───── EXERCISE MATERIALS ─────

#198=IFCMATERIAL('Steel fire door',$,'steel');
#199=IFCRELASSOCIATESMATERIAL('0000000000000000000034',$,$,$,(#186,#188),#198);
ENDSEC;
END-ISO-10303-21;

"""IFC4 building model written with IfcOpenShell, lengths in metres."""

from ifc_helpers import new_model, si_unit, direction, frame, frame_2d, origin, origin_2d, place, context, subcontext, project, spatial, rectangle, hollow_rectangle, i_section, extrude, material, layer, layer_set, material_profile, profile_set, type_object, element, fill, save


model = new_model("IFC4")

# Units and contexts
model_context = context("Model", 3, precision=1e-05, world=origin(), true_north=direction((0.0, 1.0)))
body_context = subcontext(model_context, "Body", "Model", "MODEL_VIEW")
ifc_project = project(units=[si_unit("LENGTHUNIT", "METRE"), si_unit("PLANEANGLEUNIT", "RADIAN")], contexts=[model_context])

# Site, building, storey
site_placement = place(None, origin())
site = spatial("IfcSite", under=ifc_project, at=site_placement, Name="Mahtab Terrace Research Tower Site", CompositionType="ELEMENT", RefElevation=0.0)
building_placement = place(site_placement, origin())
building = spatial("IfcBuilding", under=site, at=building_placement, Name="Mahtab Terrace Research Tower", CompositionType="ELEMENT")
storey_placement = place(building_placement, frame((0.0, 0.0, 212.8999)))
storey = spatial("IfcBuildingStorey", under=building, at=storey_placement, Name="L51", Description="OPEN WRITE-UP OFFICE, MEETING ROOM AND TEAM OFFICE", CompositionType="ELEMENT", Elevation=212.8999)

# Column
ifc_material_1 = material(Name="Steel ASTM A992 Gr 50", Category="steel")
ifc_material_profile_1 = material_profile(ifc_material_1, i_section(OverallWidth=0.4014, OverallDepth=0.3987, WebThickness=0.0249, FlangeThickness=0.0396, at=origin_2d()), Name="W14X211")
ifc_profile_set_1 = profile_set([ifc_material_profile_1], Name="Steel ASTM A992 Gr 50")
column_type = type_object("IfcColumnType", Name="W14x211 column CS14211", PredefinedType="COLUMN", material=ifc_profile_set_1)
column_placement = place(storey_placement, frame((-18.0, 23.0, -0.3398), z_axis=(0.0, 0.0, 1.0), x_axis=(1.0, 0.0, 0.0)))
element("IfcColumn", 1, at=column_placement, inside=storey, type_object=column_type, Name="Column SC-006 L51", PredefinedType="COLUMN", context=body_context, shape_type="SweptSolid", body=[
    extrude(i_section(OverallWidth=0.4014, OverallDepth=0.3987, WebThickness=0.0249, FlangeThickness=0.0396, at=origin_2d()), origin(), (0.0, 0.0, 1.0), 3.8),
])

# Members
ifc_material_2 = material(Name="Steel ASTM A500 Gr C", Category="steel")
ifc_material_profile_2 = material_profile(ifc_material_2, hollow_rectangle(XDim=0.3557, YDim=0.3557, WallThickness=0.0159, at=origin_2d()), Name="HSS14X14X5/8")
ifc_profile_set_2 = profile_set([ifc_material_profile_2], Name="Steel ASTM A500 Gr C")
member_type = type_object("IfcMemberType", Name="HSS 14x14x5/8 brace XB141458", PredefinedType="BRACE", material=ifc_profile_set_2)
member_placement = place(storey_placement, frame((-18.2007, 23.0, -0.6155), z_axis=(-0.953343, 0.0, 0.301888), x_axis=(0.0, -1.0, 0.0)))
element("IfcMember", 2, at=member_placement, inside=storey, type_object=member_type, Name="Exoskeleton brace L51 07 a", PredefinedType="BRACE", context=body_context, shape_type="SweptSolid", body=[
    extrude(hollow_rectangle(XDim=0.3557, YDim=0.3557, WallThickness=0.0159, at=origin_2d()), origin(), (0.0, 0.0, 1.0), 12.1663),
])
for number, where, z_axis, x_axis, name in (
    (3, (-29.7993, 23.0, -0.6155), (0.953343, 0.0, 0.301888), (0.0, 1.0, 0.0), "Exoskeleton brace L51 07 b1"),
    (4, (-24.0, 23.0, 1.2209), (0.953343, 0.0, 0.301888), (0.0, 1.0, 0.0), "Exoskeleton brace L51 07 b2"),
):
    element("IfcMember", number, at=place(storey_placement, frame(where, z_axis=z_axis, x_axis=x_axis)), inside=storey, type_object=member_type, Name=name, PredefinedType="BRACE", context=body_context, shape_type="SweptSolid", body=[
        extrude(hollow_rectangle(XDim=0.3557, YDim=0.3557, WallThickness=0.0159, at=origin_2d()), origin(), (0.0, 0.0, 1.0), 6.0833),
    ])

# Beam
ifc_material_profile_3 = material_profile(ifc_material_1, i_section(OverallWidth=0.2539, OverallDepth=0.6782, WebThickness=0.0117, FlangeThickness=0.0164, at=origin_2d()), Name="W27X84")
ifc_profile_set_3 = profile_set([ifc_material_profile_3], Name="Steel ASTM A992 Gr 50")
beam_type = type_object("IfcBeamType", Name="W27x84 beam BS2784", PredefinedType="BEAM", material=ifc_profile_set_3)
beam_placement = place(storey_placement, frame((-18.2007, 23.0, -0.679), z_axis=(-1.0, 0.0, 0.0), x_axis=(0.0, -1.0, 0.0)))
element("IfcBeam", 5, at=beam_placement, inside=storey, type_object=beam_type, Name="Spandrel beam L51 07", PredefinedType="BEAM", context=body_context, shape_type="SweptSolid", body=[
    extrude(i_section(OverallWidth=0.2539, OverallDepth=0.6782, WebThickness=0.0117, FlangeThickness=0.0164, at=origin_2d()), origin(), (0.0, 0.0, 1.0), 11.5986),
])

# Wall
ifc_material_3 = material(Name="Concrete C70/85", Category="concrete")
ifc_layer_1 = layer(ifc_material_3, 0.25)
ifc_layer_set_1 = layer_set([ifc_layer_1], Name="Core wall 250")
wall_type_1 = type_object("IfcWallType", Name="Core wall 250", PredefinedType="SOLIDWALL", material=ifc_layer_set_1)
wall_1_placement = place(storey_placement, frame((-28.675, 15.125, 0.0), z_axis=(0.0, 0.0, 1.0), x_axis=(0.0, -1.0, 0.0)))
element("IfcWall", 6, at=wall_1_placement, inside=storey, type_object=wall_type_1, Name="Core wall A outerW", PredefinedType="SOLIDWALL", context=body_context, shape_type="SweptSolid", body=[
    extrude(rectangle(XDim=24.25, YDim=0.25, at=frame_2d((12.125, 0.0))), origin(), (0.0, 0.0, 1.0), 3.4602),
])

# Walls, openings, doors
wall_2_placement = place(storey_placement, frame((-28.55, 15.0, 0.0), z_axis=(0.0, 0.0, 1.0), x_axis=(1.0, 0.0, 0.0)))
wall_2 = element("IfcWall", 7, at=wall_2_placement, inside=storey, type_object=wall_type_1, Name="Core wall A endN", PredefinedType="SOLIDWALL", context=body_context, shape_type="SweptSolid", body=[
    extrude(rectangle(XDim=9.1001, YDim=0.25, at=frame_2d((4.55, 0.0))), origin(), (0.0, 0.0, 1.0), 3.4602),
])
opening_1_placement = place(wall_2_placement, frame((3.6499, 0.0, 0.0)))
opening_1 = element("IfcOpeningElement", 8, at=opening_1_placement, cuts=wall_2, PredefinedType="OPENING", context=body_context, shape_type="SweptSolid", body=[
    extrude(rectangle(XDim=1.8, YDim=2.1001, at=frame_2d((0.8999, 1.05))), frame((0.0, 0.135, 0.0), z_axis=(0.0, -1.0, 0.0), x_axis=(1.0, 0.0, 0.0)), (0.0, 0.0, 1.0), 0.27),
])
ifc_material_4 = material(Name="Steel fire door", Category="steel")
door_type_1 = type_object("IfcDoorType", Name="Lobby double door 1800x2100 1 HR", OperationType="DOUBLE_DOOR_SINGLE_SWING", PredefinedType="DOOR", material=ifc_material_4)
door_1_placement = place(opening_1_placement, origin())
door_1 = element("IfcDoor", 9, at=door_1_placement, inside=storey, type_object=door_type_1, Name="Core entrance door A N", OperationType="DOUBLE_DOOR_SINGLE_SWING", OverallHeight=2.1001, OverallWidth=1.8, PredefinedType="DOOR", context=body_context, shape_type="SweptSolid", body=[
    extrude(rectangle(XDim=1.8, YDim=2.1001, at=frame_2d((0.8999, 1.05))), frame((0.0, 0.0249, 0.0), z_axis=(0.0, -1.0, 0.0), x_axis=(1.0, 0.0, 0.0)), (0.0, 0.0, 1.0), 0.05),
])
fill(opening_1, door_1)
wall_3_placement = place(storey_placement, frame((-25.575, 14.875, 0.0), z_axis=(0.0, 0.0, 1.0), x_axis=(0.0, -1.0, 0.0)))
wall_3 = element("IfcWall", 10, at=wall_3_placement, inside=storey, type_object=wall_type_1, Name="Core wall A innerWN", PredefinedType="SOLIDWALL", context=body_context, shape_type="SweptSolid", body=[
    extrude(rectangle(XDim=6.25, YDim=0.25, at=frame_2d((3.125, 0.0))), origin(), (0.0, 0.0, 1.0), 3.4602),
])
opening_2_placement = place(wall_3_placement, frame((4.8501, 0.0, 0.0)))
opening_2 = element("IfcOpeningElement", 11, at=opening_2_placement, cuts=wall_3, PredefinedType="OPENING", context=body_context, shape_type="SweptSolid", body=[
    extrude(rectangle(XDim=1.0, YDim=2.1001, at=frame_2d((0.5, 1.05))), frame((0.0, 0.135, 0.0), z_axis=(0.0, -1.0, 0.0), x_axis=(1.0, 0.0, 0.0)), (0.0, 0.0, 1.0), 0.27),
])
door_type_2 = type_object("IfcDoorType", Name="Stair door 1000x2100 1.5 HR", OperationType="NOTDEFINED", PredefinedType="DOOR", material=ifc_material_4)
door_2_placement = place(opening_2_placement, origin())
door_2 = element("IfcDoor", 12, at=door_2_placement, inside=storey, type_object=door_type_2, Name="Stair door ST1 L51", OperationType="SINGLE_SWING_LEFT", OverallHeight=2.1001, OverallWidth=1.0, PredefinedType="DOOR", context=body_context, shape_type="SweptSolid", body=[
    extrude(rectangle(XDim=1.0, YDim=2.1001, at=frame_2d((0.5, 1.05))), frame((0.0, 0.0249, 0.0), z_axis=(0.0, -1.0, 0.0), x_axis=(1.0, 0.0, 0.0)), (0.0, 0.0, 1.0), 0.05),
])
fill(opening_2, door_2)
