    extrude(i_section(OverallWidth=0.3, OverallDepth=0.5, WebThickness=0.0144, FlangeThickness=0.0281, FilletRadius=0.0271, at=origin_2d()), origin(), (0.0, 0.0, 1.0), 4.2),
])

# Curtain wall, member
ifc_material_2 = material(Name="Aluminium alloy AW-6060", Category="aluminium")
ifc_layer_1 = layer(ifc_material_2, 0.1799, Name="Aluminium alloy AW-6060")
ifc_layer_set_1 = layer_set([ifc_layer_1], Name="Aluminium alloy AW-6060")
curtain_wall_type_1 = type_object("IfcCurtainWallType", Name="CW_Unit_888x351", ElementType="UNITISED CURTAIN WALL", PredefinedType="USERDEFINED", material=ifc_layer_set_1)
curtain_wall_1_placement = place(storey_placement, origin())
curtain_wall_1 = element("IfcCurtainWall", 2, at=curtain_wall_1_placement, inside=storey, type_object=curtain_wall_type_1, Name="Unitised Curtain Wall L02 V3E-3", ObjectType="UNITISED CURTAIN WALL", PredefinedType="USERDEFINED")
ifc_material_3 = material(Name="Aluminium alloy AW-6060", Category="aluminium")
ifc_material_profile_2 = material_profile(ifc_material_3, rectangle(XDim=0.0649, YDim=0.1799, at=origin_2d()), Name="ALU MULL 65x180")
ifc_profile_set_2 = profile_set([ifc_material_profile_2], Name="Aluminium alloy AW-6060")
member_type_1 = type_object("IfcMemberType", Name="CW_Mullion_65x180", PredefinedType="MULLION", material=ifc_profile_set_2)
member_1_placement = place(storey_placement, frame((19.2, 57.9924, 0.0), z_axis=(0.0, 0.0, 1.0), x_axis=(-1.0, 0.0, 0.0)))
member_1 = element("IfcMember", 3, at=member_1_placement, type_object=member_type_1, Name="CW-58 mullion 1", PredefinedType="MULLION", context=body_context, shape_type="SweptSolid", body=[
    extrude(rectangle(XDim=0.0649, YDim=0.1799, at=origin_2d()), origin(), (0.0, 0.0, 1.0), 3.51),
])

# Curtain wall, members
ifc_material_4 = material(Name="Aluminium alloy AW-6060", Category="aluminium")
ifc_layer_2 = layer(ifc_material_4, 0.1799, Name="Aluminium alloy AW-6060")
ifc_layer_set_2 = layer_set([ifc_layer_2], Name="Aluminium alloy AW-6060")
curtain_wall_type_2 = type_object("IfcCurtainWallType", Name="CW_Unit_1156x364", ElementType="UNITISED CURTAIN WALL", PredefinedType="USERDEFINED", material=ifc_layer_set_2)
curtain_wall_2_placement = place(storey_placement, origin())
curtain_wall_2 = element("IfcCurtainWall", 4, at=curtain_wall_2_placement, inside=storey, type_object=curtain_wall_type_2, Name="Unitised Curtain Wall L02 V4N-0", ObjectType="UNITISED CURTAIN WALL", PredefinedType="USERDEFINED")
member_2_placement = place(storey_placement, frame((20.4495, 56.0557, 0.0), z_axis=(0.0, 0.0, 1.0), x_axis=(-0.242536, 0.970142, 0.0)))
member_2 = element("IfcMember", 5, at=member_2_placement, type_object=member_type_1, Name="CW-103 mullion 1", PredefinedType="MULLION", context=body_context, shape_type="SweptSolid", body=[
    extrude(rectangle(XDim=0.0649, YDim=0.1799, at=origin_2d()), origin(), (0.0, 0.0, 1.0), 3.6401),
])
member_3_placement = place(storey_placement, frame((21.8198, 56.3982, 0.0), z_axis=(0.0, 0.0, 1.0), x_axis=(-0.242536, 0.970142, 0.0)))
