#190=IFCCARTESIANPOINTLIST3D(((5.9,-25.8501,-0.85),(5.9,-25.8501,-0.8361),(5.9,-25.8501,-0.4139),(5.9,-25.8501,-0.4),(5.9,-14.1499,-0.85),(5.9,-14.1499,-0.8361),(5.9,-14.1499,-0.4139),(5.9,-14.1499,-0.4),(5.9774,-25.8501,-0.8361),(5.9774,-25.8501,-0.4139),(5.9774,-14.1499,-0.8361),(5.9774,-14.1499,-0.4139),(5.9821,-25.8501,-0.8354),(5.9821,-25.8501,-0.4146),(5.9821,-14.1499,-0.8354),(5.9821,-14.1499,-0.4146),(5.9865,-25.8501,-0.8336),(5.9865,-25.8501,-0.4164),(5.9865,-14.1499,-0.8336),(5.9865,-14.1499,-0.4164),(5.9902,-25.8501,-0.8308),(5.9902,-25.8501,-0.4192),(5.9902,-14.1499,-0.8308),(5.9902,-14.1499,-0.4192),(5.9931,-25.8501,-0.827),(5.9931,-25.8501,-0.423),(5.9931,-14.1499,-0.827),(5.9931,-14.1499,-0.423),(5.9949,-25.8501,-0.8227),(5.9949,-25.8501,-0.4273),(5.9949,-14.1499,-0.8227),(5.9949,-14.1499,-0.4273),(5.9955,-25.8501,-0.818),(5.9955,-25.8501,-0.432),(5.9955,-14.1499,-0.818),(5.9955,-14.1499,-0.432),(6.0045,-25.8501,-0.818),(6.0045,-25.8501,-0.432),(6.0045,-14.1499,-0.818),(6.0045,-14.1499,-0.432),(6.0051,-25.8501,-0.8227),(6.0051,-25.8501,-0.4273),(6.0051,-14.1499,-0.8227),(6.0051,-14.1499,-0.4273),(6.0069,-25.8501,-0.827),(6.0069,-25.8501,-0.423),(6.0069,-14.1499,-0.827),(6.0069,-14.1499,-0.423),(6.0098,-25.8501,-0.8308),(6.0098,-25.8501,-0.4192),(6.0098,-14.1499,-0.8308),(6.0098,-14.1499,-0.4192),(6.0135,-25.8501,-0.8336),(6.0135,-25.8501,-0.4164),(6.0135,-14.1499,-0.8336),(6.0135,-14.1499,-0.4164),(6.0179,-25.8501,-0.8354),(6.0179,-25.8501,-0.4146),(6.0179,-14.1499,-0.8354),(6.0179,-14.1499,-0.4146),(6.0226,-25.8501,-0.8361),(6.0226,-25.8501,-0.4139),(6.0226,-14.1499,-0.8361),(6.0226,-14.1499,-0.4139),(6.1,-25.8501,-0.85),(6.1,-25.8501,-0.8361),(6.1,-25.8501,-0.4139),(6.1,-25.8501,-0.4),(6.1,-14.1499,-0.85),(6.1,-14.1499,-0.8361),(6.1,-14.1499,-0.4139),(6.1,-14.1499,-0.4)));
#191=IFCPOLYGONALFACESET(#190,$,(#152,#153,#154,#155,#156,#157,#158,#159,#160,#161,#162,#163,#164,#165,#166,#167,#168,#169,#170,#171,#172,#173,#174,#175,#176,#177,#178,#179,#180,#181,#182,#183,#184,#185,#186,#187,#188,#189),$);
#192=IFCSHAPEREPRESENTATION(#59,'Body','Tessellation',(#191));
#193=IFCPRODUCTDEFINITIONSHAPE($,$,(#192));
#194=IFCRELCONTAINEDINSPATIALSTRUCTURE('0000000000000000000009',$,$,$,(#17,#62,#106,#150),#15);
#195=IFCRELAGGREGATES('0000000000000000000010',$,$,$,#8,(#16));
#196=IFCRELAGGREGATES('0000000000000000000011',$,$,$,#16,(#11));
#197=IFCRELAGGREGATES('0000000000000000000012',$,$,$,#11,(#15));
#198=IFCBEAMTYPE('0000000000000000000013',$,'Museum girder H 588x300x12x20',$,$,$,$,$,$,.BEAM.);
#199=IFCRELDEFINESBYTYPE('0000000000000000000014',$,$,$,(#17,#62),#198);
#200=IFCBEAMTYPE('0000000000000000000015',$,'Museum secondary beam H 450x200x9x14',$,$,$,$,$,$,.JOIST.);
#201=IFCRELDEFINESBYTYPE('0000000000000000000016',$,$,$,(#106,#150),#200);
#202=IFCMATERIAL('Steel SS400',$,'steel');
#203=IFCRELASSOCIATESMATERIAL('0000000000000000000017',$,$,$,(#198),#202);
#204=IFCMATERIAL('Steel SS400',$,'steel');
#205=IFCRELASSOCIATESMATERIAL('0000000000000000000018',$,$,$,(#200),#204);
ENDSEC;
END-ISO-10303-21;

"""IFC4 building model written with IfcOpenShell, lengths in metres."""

─────

WORK REQUIRED:
Across the entries above, how many lines contain "IfcOpeningElement"? Provide only the count.

THE ANSWER:
2